BEGIN DATA PROVIDED

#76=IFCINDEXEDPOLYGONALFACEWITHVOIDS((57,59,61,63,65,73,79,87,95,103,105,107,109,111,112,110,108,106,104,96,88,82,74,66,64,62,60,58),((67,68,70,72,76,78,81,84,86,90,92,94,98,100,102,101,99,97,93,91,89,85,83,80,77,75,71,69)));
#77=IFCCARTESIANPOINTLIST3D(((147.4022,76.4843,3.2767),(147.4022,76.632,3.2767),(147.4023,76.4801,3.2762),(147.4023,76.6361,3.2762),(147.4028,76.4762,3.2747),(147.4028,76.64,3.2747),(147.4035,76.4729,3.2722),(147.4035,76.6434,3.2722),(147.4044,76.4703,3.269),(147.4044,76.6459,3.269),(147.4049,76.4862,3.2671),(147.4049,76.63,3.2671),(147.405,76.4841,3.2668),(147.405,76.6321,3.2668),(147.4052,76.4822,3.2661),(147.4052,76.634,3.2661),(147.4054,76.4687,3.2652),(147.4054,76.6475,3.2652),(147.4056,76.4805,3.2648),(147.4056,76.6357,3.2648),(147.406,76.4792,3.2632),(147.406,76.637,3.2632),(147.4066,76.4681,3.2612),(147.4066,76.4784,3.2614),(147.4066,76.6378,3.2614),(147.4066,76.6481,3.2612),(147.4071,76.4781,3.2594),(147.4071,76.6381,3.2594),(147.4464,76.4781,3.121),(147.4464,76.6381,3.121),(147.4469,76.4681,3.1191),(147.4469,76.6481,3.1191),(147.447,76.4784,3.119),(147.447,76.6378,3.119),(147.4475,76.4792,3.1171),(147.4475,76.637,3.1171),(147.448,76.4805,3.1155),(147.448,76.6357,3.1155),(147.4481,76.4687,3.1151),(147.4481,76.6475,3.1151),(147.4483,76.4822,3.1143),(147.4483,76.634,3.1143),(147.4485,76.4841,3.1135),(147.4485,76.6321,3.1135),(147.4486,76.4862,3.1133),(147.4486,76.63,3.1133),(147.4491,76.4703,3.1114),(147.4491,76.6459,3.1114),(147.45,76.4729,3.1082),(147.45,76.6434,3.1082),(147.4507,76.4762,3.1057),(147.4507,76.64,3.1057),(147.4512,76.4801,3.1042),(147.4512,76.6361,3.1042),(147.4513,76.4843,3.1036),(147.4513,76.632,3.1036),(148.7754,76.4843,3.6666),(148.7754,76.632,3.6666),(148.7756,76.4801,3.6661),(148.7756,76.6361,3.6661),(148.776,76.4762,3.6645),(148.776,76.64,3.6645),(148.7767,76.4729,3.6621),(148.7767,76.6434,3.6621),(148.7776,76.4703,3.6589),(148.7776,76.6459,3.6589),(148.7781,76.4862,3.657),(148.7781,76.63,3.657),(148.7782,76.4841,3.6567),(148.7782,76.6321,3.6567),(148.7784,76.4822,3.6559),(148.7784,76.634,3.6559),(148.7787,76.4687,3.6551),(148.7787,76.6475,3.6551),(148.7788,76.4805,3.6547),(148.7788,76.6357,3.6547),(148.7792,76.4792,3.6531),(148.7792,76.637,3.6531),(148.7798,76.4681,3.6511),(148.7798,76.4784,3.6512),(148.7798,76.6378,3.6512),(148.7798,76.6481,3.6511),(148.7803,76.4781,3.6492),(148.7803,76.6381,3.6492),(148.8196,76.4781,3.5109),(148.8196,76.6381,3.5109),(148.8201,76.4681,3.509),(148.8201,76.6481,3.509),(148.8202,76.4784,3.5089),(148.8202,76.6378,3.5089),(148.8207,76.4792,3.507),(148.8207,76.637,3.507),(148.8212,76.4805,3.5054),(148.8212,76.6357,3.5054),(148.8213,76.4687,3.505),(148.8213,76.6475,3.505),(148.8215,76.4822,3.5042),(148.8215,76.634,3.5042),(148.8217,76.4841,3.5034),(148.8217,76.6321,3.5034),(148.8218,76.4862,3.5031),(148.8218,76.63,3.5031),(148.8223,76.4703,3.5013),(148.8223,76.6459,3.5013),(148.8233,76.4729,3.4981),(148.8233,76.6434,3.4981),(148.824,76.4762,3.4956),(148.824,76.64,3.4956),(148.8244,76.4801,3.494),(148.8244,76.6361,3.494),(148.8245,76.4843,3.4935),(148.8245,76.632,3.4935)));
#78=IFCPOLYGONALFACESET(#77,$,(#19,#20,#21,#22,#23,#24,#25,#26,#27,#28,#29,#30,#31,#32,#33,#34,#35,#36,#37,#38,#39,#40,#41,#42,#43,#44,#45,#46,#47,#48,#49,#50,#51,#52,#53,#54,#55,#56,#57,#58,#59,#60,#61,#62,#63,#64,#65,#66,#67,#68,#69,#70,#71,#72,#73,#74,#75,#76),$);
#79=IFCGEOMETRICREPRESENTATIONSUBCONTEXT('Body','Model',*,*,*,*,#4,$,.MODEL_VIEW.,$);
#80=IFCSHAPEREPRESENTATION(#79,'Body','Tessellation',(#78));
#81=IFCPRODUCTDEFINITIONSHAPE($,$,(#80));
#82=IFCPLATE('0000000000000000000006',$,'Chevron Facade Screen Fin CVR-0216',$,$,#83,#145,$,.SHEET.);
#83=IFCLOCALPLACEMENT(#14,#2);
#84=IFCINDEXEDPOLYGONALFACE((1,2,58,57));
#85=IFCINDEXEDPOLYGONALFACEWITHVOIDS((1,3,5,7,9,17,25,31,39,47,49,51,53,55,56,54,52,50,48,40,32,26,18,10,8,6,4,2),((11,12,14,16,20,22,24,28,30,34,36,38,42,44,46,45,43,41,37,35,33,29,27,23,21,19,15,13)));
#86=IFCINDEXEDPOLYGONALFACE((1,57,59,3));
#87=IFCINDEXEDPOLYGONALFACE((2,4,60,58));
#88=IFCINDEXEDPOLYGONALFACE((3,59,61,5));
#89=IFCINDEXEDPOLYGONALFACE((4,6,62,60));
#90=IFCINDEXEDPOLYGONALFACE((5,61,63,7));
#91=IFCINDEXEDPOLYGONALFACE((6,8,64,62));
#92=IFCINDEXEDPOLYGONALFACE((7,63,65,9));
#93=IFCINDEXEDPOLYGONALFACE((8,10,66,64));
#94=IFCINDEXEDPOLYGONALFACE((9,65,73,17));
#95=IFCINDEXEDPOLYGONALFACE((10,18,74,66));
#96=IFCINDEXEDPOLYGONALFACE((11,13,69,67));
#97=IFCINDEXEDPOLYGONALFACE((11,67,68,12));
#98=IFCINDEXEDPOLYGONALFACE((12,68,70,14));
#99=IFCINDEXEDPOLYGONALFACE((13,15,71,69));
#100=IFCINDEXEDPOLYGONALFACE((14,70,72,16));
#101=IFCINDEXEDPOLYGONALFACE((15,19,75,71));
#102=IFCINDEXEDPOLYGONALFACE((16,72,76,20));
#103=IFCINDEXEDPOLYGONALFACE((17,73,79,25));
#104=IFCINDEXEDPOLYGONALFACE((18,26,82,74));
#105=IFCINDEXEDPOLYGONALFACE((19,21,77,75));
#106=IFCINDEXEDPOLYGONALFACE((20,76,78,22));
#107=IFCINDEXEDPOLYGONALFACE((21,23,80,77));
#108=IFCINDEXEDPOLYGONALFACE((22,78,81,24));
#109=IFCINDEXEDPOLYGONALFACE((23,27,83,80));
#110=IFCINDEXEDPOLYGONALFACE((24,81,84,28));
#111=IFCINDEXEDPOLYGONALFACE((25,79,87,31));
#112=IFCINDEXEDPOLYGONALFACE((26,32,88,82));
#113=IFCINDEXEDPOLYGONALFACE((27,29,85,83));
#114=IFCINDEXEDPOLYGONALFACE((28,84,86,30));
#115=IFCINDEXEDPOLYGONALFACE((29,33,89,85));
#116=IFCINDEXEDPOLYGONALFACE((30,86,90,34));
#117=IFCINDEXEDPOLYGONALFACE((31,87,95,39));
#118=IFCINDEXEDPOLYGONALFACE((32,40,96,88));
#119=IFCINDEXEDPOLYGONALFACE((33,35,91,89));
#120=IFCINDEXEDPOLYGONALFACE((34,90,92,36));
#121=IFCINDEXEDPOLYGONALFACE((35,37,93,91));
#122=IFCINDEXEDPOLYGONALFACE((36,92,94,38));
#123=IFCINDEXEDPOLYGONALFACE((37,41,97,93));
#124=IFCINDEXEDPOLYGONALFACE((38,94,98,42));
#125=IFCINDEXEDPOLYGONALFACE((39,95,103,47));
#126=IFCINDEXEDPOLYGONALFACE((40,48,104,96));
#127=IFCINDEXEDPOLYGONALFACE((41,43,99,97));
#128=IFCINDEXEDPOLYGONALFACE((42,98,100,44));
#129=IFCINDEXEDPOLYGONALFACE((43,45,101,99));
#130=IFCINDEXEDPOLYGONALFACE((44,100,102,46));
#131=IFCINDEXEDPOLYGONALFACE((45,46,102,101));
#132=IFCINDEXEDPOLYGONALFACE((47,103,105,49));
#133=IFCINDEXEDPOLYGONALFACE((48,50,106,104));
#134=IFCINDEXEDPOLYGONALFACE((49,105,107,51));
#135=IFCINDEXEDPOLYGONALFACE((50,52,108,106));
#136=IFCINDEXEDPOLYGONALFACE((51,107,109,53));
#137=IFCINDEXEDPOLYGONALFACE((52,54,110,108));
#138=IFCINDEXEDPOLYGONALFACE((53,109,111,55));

END DATA PROVIDED
BEGIN DATA PROVIDED

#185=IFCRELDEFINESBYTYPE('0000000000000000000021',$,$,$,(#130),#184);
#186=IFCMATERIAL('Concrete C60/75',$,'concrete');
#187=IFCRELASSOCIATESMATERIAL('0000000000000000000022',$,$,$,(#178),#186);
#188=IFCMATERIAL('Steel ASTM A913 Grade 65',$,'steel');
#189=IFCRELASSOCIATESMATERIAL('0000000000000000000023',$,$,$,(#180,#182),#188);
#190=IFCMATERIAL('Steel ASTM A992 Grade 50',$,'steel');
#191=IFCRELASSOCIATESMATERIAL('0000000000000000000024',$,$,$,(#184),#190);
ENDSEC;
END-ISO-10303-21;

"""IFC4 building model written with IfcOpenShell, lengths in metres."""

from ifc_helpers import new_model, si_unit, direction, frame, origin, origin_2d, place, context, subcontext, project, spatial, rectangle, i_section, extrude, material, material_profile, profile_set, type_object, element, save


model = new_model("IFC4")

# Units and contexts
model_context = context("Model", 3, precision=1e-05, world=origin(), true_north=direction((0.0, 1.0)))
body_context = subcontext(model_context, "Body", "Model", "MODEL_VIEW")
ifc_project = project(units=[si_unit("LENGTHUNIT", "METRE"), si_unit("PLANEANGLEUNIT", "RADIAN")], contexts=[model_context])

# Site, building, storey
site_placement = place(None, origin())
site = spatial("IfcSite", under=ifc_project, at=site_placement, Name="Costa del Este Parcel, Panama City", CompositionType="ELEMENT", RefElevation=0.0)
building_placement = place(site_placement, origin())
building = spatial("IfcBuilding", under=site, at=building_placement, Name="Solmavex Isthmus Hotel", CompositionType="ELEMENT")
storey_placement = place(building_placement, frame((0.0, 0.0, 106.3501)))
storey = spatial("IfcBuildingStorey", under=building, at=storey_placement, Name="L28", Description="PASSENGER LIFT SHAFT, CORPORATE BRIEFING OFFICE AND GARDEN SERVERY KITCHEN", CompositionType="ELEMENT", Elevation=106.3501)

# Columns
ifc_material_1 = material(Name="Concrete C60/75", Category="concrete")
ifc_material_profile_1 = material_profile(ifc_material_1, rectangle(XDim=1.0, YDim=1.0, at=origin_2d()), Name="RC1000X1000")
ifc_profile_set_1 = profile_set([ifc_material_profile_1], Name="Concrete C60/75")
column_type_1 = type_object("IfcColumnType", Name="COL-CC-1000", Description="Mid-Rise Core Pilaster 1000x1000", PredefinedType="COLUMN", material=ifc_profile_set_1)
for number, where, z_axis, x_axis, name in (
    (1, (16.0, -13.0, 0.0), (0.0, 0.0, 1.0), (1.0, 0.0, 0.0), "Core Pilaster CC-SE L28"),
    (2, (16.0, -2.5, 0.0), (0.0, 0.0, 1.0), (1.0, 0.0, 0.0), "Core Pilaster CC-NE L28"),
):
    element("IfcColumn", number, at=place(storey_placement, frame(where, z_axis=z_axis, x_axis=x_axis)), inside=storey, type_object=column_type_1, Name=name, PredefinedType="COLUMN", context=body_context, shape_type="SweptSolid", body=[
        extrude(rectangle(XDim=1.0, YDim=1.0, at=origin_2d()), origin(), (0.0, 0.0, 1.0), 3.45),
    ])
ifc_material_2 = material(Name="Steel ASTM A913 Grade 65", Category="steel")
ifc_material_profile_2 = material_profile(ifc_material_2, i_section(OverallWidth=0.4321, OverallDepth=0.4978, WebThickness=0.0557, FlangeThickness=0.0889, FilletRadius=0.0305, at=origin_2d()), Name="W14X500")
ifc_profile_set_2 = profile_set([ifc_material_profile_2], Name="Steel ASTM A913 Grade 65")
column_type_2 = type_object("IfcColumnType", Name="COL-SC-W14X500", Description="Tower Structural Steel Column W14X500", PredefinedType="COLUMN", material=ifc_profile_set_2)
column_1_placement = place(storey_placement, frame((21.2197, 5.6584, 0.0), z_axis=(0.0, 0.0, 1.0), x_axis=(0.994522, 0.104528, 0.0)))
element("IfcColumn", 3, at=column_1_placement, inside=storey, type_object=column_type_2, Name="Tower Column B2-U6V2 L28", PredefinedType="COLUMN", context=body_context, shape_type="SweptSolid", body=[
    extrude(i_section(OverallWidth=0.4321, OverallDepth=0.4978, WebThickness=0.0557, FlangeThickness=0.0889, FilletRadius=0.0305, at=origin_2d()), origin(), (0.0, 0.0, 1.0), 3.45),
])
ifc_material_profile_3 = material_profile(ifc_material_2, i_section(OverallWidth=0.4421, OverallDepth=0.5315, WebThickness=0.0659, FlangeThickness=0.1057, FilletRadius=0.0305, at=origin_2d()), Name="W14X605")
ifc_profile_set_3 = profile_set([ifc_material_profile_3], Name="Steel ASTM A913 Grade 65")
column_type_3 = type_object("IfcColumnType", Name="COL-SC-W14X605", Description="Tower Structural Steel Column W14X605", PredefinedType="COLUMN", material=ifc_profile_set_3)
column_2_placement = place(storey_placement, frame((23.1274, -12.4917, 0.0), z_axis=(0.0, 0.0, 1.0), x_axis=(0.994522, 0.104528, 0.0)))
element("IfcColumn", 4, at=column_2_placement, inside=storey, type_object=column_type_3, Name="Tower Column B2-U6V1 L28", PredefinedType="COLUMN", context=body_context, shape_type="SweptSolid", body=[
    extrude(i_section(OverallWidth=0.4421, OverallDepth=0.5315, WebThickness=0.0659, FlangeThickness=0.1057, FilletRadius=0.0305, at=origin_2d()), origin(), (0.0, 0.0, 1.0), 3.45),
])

END DATA PROVIDED
BEGIN DATA PROVIDED

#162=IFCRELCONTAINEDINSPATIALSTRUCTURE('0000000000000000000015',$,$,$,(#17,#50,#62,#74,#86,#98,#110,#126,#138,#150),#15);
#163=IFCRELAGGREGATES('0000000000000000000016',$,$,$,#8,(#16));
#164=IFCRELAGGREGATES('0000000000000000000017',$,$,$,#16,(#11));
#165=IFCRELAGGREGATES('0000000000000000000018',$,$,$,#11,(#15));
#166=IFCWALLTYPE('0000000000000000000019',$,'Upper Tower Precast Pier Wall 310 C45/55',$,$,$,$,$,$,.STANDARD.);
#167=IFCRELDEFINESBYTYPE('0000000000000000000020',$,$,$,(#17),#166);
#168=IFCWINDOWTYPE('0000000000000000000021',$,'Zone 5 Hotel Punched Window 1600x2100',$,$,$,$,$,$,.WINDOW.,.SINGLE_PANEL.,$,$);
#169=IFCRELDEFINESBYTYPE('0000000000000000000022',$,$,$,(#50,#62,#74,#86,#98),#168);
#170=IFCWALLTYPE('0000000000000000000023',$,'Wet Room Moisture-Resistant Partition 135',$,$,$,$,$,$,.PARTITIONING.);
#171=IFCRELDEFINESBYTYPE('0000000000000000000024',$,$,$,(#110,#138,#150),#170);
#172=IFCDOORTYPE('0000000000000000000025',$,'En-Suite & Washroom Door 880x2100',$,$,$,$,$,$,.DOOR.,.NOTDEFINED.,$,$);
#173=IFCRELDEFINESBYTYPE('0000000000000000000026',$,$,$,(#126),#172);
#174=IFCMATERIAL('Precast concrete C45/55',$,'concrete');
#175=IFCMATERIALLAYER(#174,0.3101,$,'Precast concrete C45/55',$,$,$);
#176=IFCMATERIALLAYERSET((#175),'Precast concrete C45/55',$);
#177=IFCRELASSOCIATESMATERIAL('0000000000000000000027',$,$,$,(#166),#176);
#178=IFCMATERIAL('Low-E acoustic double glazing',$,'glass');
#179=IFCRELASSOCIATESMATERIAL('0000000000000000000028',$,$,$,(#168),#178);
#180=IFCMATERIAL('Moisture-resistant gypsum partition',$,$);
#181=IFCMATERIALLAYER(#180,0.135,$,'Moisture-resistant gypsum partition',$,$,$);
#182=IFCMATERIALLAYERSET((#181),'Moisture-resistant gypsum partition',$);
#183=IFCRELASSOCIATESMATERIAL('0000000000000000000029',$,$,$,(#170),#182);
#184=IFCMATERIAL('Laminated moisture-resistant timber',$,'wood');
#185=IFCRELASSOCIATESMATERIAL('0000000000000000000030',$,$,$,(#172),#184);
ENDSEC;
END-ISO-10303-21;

END DATA PROVIDED

• **EXERCISE INSTRUCTIONS**
Count each line of the listing above in which "SweptSolid" appears, and give that count with nothing added.

• **YOUR RESPONSE**
3